◆ PROBLEM TO SOLVE
Only one stretch of the listing below is wanted. Give it again exactly, from the line with "SKIN LATTICE SCREEN',$,$,$,$,$,$,.CLADDING.);" through the line with "#184=IFCMATERIALLAYERSET((#183),'Glass',$);".

Segment Open

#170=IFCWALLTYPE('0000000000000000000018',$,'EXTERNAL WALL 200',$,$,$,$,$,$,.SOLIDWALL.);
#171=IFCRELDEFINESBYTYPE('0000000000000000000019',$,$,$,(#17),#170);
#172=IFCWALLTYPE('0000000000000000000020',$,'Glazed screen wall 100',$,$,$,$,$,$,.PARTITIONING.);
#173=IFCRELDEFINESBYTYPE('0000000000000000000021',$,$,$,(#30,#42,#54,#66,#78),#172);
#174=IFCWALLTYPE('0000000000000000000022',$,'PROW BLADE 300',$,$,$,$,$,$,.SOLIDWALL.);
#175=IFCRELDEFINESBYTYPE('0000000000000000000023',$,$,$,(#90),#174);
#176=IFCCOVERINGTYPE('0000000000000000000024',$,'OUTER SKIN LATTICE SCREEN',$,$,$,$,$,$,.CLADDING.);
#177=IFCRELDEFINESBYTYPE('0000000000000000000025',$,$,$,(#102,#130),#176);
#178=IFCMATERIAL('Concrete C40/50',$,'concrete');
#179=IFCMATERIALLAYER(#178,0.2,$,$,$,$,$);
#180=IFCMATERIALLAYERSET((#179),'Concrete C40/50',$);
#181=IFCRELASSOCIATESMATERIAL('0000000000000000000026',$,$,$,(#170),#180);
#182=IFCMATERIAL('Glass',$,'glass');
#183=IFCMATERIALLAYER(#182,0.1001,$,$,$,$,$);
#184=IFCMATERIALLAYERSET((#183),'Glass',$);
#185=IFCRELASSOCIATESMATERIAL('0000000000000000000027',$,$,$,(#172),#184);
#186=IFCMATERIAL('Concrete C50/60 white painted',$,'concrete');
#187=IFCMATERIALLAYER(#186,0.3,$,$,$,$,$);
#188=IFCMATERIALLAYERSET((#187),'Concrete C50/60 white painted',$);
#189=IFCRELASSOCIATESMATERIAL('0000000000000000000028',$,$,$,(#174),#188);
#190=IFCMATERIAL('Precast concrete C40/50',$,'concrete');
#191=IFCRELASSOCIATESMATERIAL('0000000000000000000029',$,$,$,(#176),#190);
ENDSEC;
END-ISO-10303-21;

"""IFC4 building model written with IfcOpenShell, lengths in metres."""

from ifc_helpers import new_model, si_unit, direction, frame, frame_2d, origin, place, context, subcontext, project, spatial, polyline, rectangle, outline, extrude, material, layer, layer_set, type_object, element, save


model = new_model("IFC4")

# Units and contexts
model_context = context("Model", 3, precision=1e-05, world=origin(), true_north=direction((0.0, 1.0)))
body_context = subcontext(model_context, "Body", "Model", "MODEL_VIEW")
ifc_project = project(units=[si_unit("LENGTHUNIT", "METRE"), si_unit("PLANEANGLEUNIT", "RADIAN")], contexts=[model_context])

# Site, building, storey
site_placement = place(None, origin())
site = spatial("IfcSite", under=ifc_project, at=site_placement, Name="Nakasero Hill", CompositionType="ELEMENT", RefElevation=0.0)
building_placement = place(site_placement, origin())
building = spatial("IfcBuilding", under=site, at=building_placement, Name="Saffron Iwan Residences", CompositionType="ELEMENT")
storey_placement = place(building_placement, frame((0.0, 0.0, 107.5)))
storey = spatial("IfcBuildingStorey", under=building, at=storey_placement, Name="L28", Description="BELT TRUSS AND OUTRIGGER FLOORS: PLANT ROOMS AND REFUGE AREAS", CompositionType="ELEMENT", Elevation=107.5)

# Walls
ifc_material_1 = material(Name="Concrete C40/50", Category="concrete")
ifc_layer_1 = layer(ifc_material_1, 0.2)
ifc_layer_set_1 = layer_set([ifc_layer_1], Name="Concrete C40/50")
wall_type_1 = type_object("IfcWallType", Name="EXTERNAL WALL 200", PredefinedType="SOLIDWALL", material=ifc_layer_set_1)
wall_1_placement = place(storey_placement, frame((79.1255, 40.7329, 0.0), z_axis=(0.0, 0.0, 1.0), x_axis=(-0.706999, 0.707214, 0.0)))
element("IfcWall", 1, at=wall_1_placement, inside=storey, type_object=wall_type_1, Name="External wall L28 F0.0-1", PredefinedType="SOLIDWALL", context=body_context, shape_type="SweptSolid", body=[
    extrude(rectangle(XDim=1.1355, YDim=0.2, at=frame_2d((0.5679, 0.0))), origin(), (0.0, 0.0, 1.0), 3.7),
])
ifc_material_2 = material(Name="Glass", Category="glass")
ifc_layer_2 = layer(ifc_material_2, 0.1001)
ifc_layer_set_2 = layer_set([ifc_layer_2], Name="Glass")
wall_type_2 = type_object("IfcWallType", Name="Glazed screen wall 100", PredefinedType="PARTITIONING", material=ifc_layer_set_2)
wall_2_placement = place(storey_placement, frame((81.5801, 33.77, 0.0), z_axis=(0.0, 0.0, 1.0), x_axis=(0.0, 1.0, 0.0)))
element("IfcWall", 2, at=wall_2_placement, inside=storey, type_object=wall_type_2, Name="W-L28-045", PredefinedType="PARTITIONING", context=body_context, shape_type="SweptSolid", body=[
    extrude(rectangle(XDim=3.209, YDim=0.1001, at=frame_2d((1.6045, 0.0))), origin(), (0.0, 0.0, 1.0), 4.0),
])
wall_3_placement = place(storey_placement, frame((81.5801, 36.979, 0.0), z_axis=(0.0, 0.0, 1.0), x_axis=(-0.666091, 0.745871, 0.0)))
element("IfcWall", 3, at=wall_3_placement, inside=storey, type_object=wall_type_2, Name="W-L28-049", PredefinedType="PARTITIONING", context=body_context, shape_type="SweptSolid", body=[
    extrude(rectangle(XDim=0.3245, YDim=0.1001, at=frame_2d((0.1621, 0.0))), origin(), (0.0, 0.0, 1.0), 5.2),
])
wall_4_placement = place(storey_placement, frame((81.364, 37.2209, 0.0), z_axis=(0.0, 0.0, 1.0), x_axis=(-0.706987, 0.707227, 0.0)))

Segment Closed

◆ ANSWER TO THIS EXERCISE
#176=IFCCOVERINGTYPE('0000000000000000000024',$,'OUTER SKIN LATTICE SCREEN',$,$,$,$,$,$,.CLADDING.);
#177=IFCRELDEFINESBYTYPE('0000000000000000000025',$,$,$,(#102,#130),#176);
#178=IFCMATERIAL('Concrete C40/50',$,'concrete');
#179=IFCMATERIALLAYER(#178,0.2,$,$,$,$,$);
#180=IFCMATERIALLAYERSET((#179),'Concrete C40/50',$);
#181=IFCRELASSOCIATESMATERIAL('0000000000000000000026',$,$,$,(#170),#180);
#182=IFCMATERIAL('Glass',$,'glass');
#183=IFCMATERIALLAYER(#182,0.1001,$,$,$,$,$);
#184=IFCMATERIALLAYERSET((#183),'Glass',$);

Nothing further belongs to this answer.